-------- Given entries

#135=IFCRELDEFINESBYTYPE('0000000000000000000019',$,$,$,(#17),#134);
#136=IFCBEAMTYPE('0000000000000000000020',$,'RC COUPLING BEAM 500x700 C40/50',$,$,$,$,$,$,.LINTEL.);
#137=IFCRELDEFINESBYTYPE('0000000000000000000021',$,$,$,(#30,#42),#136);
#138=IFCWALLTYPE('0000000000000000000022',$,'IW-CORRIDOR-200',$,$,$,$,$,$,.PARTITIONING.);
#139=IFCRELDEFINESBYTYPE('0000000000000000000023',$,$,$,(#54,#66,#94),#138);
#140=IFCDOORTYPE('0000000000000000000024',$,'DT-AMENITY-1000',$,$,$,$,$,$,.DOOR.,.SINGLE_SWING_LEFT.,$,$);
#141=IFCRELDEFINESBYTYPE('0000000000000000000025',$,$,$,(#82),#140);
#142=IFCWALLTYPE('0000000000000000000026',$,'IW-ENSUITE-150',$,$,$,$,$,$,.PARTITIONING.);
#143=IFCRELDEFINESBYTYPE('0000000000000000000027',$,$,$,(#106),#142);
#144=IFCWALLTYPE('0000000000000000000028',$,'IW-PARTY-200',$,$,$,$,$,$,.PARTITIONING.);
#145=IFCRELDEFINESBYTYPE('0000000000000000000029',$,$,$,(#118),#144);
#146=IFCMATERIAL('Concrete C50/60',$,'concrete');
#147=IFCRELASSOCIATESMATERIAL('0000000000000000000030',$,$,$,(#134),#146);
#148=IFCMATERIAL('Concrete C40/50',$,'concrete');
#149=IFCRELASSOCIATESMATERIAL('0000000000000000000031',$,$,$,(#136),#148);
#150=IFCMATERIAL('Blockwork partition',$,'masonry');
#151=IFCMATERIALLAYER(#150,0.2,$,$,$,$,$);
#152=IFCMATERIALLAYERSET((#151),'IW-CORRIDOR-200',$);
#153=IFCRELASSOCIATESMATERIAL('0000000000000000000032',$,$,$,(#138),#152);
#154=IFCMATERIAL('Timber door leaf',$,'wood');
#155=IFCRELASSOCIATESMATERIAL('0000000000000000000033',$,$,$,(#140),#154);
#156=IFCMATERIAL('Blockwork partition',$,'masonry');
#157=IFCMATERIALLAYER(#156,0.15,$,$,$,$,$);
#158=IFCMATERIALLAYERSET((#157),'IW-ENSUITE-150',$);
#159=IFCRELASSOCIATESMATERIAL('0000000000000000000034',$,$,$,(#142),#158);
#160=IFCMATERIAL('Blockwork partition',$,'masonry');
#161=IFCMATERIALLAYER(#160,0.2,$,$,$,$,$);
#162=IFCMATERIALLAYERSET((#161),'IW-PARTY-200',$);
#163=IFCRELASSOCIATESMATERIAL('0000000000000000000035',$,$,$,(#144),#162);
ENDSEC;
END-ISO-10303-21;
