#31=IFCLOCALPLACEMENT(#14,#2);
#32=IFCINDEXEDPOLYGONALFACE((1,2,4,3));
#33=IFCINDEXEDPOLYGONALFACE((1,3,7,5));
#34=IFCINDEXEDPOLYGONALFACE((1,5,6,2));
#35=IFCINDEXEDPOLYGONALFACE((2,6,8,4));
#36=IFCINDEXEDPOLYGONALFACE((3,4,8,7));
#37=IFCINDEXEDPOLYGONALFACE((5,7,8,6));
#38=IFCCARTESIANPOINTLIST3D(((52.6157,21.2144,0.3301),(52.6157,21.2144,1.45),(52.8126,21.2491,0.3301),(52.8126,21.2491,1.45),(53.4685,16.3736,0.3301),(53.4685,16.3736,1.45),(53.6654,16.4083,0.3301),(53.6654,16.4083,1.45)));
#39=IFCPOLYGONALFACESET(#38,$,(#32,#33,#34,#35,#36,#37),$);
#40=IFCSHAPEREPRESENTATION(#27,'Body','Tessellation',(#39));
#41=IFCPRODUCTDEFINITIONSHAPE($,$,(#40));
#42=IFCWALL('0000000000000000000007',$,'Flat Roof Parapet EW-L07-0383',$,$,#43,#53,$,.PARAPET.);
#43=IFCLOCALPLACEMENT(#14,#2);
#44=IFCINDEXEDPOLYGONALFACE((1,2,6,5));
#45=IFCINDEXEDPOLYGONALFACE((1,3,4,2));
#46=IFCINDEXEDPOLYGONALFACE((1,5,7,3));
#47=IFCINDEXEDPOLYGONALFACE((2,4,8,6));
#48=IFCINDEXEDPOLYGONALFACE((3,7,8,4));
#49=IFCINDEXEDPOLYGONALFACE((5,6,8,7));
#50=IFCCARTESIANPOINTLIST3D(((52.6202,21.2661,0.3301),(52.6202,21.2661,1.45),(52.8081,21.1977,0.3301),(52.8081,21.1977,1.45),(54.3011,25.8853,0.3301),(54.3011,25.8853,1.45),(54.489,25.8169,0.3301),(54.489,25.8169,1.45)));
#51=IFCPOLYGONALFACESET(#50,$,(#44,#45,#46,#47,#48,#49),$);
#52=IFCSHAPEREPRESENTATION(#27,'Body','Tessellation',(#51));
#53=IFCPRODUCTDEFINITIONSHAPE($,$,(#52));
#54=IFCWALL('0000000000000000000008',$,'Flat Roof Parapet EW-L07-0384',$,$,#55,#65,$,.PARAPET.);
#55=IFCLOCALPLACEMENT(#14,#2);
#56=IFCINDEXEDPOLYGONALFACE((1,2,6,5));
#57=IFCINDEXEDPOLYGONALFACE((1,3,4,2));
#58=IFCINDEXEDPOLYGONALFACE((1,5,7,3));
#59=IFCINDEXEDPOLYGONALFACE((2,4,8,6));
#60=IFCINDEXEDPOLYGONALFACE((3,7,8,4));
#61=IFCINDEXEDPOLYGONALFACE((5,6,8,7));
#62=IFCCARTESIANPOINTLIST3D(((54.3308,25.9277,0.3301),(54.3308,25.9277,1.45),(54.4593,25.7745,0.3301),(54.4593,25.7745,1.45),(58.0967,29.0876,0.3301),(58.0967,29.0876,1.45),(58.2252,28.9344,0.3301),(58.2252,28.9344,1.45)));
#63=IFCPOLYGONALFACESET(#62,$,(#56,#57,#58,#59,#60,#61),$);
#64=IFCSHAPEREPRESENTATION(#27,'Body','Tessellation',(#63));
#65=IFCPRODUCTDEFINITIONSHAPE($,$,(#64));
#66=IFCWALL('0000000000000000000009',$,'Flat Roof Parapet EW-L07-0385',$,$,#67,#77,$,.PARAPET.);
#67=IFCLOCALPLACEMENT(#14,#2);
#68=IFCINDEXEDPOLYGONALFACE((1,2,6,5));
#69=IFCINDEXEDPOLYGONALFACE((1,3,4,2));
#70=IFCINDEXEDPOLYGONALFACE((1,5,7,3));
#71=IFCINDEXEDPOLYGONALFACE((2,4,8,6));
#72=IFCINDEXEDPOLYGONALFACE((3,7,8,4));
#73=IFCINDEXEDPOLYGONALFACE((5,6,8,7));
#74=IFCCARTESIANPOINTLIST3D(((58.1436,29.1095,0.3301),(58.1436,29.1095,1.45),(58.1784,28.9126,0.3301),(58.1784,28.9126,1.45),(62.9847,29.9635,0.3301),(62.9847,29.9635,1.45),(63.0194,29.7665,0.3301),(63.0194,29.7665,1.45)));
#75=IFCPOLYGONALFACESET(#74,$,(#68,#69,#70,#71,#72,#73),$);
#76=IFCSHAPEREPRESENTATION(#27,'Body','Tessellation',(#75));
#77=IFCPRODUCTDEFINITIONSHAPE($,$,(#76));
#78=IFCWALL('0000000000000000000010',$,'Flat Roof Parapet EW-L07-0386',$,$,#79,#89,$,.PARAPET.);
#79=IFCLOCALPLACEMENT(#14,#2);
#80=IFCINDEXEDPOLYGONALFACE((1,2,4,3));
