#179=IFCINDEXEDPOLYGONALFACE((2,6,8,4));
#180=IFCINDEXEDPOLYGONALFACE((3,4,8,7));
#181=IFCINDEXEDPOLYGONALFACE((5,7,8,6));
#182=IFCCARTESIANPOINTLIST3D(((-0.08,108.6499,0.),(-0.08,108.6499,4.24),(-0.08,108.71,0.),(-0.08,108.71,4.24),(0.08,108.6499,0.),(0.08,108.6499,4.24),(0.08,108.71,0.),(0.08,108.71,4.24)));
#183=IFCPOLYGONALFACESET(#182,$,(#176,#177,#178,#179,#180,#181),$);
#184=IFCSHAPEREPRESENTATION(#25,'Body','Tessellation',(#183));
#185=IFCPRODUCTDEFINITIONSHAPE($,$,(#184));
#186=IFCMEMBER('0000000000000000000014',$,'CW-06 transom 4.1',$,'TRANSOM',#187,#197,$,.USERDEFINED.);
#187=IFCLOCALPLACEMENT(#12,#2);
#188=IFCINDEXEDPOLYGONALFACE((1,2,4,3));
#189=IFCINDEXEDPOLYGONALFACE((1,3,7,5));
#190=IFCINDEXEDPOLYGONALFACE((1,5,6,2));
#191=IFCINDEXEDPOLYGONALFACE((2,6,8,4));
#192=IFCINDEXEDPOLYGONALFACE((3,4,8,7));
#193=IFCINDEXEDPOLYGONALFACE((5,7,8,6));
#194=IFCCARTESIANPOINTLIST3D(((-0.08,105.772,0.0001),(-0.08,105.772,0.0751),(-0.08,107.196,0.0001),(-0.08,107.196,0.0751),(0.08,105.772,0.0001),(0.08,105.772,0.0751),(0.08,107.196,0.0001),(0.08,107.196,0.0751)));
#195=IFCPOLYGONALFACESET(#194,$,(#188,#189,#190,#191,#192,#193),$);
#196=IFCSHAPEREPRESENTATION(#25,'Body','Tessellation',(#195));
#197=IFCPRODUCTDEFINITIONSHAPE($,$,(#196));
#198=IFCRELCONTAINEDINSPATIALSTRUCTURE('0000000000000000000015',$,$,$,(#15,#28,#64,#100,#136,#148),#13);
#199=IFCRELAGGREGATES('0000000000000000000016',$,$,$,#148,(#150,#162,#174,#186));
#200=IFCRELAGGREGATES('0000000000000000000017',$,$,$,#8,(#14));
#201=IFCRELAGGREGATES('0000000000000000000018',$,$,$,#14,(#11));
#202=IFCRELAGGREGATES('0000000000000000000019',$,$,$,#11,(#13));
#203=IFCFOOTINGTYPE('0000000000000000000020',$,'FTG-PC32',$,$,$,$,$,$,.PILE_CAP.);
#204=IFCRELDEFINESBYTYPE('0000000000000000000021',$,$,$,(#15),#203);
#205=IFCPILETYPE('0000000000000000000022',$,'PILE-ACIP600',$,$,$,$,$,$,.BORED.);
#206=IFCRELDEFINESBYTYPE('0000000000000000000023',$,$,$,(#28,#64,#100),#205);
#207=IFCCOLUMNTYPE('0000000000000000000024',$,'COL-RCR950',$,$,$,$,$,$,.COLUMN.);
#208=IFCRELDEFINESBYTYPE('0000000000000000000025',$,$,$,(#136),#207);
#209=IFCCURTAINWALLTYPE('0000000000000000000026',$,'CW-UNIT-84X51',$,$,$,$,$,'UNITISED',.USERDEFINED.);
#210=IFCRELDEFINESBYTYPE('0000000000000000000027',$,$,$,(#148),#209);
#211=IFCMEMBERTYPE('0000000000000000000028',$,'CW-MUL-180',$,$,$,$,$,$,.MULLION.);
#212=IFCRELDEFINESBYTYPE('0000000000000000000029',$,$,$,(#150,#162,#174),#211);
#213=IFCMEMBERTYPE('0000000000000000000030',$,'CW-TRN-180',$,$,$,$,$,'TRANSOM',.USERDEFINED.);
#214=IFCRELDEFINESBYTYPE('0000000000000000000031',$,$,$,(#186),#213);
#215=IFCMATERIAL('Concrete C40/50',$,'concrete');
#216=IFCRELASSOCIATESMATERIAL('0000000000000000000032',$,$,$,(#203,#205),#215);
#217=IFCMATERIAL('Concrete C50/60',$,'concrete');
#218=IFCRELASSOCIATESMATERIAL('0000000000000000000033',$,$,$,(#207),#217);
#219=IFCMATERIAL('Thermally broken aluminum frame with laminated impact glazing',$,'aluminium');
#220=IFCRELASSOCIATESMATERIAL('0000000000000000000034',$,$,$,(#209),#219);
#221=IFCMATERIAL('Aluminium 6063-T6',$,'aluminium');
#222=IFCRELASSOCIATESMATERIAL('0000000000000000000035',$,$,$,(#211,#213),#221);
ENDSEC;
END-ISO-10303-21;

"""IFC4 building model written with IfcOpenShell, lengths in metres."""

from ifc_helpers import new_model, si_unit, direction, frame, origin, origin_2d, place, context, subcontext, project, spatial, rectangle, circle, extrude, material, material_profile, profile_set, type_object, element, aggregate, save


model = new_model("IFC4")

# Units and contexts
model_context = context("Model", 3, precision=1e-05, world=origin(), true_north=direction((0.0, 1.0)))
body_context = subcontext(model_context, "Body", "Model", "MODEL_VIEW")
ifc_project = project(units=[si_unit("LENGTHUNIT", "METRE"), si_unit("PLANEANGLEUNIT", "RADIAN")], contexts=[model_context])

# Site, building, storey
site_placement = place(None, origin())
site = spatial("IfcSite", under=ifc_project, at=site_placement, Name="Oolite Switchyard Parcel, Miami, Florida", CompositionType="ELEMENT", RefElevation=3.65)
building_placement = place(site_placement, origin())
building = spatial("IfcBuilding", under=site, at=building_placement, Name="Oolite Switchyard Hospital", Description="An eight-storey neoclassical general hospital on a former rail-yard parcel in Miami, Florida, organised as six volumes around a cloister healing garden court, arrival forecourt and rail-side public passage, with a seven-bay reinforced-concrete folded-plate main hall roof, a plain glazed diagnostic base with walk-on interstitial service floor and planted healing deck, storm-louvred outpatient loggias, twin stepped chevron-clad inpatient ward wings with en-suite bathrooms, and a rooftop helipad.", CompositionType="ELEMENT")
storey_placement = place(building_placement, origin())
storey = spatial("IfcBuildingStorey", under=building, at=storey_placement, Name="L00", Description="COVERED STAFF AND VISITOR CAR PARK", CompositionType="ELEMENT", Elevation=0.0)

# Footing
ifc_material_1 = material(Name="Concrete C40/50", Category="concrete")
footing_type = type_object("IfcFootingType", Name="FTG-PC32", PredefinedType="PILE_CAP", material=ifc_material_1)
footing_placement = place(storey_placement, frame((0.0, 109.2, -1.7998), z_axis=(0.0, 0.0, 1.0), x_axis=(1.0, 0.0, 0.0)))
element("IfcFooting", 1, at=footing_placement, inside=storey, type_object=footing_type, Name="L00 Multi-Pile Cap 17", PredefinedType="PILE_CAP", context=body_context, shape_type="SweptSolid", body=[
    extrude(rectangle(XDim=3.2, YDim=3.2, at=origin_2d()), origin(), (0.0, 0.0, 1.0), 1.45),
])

----------------

Work to be completed> Print the lines above from the one with "#63=IFCPOLYGONALFACESET(#62,$,(#56,#57,#58,#59,#60,#61),$);" through the one with "#193=IFCINDEXEDPOLYGONALFACE((5,7,8,6));", both included, exactly as written and nothing more.

Task result>
#63=IFCPOLYGONALFACESET(#62,$,(#56,#57,#58,#59,#60,#61),$);
#64=IFCSHAPEREPRESENTATION(#27,'Body','Tessellation',(#63));
#65=IFCPRODUCTDEFINITIONSHAPE($,$,(#64));
#66=IFCWALL('0000000000000000000009',$,'Flat Roof Parapet EW-L07-0385',$,$,#67,#77,$,.PARAPET.);
#67=IFCLOCALPLACEMENT(#14,#2);
#68=IFCINDEXEDPOLYGONALFACE((1,2,6,5));
#69=IFCINDEXEDPOLYGONALFACE((1,3,4,2));
#70=IFCINDEXEDPOLYGONALFACE((1,5,7,3));
#71=IFCINDEXEDPOLYGONALFACE((2,4,8,6));
#72=IFCINDEXEDPOLYGONALFACE((3,7,8,4));
#73=IFCINDEXEDPOLYGONALFACE((5,6,8,7));
#74=IFCCARTESIANPOINTLIST3D(((58.1436,29.1095,0.3301),(58.1436,29.1095,1.45),(58.1784,28.9126,0.3301),(58.1784,28.9126,1.45),(62.9847,29.9635,0.3301),(62.9847,29.9635,1.45),(63.0194,29.7665,0.3301),(63.0194,29.7665,1.45)));
#75=IFCPOLYGONALFACESET(#74,$,(#68,#69,#70,#71,#72,#73),$);
#76=IFCSHAPEREPRESENTATION(#27,'Body','Tessellation',(#75));
#77=IFCPRODUCTDEFINITIONSHAPE($,$,(#76));
#78=IFCWALL('0000000000000000000010',$,'Flat Roof Parapet EW-L07-0386',$,$,#79,#89,$,.PARAPET.);
#79=IFCLOCALPLACEMENT(#14,#2);
#80=IFCINDEXEDPOLYGONALFACE((1,2,4,3));
#179=IFCINDEXEDPOLYGONALFACE((2,6,8,4));
#180=IFCINDEXEDPOLYGONALFACE((3,4,8,7));
#181=IFCINDEXEDPOLYGONALFACE((5,7,8,6));
#182=IFCCARTESIANPOINTLIST3D(((-0.08,108.6499,0.),(-0.08,108.6499,4.24),(-0.08,108.71,0.),(-0.08,108.71,4.24),(0.08,108.6499,0.),(0.08,108.6499,4.24),(0.08,108.71,0.),(0.08,108.71,4.24)));
#183=IFCPOLYGONALFACESET(#182,$,(#176,#177,#178,#179,#180,#181),$);
#184=IFCSHAPEREPRESENTATION(#25,'Body','Tessellation',(#183));
#185=IFCPRODUCTDEFINITIONSHAPE($,$,(#184));
#186=IFCMEMBER('0000000000000000000014',$,'CW-06 transom 4.1',$,'TRANSOM',#187,#197,$,.USERDEFINED.);
#187=IFCLOCALPLACEMENT(#12,#2);
#188=IFCINDEXEDPOLYGONALFACE((1,2,4,3));
#189=IFCINDEXEDPOLYGONALFACE((1,3,7,5));
#190=IFCINDEXEDPOLYGONALFACE((1,5,6,2));
#191=IFCINDEXEDPOLYGONALFACE((2,6,8,4));
#192=IFCINDEXEDPOLYGONALFACE((3,4,8,7));
#193=IFCINDEXEDPOLYGONALFACE((5,7,8,6));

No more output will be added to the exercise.